**TO DO**
Scan the data below for lines containing the string "vertical" and give only how many there are.

**EXTRACTED INFORMATION**
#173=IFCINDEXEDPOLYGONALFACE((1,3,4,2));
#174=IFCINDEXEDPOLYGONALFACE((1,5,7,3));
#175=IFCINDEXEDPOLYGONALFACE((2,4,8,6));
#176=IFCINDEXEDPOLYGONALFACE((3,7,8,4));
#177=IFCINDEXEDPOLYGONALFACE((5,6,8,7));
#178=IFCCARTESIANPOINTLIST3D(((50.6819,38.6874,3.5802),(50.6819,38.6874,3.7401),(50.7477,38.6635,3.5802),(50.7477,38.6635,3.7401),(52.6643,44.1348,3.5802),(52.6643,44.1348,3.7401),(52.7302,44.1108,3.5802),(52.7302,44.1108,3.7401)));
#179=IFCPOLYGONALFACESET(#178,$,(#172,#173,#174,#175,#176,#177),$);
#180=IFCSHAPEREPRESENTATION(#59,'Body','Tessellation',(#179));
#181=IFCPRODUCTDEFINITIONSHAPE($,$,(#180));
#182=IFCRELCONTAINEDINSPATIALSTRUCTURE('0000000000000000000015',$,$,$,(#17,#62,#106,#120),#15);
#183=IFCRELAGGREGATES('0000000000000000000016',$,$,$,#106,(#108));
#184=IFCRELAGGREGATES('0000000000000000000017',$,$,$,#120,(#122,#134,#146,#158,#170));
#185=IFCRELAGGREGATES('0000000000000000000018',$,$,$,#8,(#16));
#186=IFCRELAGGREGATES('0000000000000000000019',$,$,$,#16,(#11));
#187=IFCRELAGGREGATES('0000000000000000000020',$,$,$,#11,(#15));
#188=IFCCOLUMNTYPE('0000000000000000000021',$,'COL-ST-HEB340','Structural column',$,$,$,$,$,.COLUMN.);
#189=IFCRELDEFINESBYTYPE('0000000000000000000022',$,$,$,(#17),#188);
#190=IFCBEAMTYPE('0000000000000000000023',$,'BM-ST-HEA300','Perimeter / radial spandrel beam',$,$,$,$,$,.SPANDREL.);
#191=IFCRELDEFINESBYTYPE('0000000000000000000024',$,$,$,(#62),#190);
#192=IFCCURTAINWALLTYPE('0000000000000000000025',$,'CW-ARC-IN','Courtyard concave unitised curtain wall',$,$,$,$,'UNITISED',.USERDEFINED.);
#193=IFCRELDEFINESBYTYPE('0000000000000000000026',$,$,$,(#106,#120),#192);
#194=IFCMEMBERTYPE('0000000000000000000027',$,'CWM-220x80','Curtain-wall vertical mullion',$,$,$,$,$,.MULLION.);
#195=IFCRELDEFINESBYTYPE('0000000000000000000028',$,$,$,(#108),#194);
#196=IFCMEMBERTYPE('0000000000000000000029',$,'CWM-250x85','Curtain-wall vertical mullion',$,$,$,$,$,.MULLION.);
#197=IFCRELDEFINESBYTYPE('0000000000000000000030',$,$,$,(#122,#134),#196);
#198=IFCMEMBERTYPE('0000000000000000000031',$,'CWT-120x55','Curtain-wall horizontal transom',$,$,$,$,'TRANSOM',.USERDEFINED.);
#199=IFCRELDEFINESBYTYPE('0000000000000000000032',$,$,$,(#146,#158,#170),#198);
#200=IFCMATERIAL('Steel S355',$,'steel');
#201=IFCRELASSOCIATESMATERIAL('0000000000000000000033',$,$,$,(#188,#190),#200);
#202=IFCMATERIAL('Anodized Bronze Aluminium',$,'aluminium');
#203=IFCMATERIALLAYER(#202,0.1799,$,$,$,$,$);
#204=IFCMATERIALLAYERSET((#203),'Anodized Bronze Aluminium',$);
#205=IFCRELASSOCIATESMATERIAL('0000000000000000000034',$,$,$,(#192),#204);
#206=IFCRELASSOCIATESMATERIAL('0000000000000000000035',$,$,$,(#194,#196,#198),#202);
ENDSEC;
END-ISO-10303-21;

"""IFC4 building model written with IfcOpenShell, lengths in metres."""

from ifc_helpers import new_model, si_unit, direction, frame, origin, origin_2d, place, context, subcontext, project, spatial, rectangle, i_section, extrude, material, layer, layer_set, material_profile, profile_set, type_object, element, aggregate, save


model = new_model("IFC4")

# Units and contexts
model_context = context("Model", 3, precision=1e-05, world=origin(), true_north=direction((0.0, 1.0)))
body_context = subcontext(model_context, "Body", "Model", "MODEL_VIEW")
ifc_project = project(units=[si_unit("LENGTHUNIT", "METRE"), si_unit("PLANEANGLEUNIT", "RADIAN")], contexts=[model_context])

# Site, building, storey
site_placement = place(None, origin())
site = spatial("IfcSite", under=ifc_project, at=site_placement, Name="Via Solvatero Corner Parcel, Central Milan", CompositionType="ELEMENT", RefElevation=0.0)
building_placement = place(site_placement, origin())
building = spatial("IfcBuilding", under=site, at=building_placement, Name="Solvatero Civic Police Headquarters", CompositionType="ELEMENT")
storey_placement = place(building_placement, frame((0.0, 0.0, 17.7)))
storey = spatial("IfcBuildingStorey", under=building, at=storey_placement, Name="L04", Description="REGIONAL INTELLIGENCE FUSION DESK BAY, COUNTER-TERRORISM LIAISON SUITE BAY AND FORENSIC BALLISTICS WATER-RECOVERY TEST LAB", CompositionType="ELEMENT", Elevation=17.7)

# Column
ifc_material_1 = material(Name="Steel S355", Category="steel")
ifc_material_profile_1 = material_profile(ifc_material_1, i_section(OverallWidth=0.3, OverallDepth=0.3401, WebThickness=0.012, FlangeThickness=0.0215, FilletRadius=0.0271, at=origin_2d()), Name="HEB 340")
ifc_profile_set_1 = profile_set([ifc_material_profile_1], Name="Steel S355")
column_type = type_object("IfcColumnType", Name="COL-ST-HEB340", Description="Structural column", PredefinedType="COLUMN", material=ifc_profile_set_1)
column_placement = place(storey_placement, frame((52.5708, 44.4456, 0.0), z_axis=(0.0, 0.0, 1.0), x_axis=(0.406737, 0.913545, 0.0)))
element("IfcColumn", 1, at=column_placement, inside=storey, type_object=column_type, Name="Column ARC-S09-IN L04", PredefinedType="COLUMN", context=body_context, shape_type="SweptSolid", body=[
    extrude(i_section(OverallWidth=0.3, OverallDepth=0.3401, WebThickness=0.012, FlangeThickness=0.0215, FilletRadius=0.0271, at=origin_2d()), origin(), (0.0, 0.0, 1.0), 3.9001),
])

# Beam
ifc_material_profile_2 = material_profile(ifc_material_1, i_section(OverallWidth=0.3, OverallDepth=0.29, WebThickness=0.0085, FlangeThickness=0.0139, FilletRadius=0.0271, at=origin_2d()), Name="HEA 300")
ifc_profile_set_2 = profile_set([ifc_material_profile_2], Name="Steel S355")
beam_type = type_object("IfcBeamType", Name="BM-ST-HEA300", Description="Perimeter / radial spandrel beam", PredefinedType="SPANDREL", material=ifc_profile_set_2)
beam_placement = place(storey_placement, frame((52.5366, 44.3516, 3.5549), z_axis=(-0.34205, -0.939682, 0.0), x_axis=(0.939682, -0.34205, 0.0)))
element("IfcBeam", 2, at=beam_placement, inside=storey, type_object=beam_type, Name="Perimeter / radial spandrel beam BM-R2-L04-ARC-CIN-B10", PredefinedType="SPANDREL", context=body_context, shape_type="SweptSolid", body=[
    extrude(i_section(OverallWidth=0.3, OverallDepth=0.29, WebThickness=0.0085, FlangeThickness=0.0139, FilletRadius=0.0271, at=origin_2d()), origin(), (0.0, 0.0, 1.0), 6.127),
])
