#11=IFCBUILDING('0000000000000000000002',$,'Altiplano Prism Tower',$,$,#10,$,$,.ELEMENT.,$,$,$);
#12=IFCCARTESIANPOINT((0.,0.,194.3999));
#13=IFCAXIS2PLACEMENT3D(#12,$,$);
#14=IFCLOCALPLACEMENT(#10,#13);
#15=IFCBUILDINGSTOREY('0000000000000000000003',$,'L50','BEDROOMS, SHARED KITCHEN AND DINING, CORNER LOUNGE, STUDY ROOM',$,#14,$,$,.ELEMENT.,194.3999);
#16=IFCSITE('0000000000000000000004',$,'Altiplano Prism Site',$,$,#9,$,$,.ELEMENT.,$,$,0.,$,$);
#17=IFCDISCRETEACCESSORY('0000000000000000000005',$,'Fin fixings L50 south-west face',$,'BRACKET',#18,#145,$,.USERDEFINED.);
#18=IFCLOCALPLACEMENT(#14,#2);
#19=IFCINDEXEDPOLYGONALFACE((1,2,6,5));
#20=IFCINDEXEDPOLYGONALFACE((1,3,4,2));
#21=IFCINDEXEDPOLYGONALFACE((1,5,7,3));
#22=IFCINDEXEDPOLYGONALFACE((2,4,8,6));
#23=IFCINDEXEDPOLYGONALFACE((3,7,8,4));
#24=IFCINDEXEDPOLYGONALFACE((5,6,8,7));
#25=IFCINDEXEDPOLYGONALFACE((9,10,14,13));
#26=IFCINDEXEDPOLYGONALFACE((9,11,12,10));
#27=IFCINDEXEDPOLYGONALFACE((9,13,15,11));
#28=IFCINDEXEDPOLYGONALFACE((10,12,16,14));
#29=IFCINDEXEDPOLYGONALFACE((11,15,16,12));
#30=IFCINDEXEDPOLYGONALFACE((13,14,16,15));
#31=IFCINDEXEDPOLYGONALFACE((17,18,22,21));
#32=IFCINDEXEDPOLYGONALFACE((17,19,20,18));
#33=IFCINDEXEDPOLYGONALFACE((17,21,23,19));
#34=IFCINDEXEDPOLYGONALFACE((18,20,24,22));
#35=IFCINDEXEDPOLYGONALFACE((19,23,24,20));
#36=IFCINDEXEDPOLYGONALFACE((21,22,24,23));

**RESPONSE BELOW**
2